PROBLEM TO SOLVE
Copy exactly, please, the lines of the data from its start through the line containing "building_placement = place(site_placement, origin())".

*** AVAILABLE DATA ***

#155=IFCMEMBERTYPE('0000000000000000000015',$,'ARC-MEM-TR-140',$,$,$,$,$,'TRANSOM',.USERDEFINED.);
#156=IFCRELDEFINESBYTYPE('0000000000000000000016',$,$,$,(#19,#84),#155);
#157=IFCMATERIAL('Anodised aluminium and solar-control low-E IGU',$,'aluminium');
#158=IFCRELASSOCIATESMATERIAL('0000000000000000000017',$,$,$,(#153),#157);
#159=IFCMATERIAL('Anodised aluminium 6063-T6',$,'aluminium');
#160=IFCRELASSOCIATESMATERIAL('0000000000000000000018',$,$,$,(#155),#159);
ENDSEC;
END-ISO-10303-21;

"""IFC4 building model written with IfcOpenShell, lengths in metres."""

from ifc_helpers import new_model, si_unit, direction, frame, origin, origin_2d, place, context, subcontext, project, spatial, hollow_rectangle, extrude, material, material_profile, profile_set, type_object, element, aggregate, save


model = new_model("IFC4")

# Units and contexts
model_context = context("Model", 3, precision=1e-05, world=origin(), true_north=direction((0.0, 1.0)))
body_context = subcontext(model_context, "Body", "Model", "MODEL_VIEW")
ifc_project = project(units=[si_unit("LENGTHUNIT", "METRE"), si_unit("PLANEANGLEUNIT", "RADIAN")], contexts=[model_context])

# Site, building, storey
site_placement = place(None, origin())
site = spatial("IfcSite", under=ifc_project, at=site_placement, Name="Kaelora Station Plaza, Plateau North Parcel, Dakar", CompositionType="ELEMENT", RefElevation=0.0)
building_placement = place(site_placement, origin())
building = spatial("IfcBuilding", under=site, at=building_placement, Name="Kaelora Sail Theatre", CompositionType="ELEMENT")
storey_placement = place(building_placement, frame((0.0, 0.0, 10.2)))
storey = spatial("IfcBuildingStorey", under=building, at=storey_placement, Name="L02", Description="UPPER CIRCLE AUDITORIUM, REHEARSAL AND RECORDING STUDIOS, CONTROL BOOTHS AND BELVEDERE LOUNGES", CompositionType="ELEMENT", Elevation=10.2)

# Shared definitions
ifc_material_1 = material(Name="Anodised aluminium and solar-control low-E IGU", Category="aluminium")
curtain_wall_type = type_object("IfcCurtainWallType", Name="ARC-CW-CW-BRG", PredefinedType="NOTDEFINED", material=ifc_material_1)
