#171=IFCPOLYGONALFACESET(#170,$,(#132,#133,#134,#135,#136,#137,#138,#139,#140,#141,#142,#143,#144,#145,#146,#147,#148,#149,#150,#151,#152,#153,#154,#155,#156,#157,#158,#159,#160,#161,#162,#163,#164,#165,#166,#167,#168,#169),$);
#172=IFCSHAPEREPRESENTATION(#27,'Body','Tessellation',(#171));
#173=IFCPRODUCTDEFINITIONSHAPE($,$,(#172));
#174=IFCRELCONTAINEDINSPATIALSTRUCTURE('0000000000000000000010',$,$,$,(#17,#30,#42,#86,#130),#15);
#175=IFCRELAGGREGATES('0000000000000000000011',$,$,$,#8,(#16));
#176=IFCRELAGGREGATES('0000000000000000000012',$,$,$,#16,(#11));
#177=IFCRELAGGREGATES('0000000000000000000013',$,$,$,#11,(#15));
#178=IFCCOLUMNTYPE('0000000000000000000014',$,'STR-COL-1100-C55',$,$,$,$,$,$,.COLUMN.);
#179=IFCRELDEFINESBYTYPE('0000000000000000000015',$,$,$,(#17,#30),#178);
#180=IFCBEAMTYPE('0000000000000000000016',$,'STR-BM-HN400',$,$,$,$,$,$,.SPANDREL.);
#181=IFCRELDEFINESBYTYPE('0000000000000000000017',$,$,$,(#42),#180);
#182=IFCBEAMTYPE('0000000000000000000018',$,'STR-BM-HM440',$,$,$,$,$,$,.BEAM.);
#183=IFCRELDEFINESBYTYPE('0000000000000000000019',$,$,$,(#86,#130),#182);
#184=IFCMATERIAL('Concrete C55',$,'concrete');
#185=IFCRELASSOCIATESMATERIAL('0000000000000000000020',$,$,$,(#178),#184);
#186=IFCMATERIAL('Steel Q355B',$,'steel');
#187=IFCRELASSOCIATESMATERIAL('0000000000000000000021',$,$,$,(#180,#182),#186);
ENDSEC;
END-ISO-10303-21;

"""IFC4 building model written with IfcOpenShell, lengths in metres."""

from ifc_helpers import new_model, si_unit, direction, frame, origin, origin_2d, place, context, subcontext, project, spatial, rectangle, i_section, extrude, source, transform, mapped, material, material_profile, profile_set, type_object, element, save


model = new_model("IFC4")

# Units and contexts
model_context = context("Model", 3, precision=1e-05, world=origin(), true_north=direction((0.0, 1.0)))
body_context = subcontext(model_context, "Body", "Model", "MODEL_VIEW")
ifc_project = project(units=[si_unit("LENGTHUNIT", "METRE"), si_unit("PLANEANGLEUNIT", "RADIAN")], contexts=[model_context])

*** End of AVAILABLE DATA ***

WRITTEN ANSWER
#155=IFCMEMBERTYPE('0000000000000000000015',$,'ARC-MEM-TR-140',$,$,$,$,$,'TRANSOM',.USERDEFINED.);
#156=IFCRELDEFINESBYTYPE('0000000000000000000016',$,$,$,(#19,#84),#155);
#157=IFCMATERIAL('Anodised aluminium and solar-control low-E IGU',$,'aluminium');
#158=IFCRELASSOCIATESMATERIAL('0000000000000000000017',$,$,$,(#153),#157);
#159=IFCMATERIAL('Anodised aluminium 6063-T6',$,'aluminium');
#160=IFCRELASSOCIATESMATERIAL('0000000000000000000018',$,$,$,(#155),#159);
ENDSEC;
END-ISO-10303-21;

"""IFC4 building model written with IfcOpenShell, lengths in metres."""

from ifc_helpers import new_model, si_unit, direction, frame, origin, origin_2d, place, context, subcontext, project, spatial, hollow_rectangle, extrude, material, material_profile, profile_set, type_object, element, aggregate, save


model = new_model("IFC4")

# Units and contexts
model_context = context("Model", 3, precision=1e-05, world=origin(), true_north=direction((0.0, 1.0)))
body_context = subcontext(model_context, "Body", "Model", "MODEL_VIEW")
ifc_project = project(units=[si_unit("LENGTHUNIT", "METRE"), si_unit("PLANEANGLEUNIT", "RADIAN")], contexts=[model_context])

# Site, building, storey
site_placement = place(None, origin())
site = spatial("IfcSite", under=ifc_project, at=site_placement, Name="Kaelora Station Plaza, Plateau North Parcel, Dakar", CompositionType="ELEMENT", RefElevation=0.0)
building_placement = place(site_placement, origin())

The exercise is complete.